Below are some entries. Copy each line in them that holds "Gypsum".

Data to examine section start

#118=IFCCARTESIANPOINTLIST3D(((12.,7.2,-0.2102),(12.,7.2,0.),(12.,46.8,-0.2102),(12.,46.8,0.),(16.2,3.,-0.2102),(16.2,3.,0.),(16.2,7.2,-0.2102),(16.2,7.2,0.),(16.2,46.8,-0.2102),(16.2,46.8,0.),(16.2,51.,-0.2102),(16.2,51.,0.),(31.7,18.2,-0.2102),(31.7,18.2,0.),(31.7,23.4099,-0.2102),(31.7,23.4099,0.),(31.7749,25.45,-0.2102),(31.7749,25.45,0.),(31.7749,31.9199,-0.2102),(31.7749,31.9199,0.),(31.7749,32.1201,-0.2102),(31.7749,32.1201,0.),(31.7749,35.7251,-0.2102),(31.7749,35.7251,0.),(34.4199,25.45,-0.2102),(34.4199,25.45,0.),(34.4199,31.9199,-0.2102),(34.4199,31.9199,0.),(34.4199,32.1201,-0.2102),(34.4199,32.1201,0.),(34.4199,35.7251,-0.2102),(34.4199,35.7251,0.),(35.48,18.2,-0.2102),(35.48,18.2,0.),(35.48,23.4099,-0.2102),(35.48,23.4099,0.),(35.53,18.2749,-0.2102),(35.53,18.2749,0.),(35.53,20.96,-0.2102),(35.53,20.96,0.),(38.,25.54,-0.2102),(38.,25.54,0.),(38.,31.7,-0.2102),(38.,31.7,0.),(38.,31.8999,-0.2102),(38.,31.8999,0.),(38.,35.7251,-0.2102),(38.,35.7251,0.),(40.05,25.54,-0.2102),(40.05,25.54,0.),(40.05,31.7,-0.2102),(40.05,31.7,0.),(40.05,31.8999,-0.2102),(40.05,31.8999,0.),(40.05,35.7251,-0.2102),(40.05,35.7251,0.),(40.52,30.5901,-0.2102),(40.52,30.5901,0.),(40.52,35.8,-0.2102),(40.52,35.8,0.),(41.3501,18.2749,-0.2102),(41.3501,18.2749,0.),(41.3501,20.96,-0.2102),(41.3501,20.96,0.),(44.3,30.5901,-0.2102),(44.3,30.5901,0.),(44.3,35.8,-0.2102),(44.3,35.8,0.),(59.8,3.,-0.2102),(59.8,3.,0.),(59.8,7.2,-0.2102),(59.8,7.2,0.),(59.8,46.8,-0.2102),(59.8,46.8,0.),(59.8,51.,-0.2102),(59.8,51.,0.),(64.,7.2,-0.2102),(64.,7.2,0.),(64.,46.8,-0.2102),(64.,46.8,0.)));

Data to examine section end
Data to examine section start

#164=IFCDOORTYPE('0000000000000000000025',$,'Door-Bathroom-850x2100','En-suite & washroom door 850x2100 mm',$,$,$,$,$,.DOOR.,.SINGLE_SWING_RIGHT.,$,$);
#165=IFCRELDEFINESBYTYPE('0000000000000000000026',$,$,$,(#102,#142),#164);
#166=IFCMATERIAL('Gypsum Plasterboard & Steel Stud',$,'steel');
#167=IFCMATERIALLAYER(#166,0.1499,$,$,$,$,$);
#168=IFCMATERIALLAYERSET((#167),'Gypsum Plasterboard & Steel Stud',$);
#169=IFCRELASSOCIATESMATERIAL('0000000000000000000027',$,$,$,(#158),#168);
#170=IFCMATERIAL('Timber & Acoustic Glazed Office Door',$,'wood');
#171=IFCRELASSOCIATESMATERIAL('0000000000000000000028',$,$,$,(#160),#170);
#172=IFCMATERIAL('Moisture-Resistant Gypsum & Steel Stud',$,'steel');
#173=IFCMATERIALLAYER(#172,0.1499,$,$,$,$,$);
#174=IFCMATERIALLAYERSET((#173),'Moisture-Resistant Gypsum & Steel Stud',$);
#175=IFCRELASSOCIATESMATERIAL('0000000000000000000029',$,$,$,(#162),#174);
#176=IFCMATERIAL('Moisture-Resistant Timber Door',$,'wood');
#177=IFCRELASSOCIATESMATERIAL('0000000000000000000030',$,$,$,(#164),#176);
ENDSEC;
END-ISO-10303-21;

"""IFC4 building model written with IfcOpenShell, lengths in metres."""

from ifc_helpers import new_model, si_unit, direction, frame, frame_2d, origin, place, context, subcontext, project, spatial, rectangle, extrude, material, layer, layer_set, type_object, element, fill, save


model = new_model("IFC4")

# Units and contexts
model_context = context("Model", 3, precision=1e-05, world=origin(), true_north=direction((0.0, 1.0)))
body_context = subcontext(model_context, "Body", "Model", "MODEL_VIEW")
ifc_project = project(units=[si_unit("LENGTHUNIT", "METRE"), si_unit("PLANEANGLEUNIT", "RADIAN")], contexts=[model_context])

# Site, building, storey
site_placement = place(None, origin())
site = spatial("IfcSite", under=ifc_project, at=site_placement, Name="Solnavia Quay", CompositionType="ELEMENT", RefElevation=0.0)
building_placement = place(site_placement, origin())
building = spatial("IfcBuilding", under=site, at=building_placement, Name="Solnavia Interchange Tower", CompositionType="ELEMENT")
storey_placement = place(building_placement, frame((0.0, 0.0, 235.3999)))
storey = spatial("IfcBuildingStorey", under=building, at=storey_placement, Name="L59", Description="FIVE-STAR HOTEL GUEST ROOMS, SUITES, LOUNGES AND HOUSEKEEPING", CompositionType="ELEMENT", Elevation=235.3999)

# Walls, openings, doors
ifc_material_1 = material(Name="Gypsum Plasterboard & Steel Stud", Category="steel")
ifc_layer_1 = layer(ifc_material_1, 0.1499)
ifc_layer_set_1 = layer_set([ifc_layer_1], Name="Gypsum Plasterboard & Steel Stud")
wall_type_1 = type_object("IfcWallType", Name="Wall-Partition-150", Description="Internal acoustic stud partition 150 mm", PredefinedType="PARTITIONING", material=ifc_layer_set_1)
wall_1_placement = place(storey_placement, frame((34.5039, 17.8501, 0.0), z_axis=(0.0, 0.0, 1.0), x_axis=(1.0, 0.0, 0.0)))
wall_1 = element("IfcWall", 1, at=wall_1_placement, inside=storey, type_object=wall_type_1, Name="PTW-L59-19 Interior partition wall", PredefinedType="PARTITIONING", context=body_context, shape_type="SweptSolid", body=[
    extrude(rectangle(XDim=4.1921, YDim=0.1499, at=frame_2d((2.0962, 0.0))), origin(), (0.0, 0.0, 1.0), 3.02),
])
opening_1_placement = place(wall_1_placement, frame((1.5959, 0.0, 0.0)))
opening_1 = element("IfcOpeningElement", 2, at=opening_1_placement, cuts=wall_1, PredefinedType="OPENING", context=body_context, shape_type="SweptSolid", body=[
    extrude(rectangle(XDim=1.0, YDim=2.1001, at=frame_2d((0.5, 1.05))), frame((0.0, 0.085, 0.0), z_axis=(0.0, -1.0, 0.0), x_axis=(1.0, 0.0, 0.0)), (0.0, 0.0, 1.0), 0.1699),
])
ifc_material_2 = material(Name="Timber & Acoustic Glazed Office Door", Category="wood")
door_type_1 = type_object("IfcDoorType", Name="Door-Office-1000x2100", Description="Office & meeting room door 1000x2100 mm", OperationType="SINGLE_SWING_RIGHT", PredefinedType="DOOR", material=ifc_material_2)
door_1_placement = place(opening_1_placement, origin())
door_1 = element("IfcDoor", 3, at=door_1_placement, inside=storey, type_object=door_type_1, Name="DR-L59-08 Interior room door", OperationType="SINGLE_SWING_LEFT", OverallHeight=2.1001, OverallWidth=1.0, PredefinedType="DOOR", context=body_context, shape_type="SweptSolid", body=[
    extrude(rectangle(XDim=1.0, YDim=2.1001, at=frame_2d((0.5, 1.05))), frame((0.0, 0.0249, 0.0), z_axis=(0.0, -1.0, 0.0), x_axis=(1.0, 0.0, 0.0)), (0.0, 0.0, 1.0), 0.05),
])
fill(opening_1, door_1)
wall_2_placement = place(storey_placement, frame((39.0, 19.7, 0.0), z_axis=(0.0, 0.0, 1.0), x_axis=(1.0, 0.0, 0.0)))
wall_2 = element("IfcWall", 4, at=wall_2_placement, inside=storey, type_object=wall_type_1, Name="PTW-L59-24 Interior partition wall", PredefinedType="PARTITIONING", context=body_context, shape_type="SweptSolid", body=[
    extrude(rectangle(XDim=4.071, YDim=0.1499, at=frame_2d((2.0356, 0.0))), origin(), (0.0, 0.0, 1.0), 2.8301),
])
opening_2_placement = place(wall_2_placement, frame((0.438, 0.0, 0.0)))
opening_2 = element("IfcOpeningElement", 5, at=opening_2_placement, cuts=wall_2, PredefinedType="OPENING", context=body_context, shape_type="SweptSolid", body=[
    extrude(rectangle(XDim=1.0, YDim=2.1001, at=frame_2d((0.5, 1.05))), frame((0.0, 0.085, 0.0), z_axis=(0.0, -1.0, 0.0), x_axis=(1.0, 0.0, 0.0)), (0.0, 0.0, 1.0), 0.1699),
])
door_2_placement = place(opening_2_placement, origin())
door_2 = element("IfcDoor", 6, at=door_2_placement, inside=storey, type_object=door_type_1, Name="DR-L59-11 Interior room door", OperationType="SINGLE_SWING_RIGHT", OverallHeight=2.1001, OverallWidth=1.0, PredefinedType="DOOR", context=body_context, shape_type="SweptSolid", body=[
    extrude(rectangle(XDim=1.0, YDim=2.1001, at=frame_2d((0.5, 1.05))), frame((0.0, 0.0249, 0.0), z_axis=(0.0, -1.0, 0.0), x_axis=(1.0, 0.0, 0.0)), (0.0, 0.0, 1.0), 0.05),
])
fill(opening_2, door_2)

Data to examine section end

Your response
#166=IFCMATERIAL('Gypsum Plasterboard & Steel Stud',$,'steel');
#168=IFCMATERIALLAYERSET((#167),'Gypsum Plasterboard & Steel Stud',$);
#172=IFCMATERIAL('Moisture-Resistant Gypsum & Steel Stud',$,'steel');
#174=IFCMATERIALLAYERSET((#173),'Moisture-Resistant Gypsum & Steel Stud',$);
ifc_material_1 = material(Name="Gypsum Plasterboard & Steel Stud", Category="steel")
ifc_layer_set_1 = layer_set([ifc_layer_1], Name="Gypsum Plasterboard & Steel Stud")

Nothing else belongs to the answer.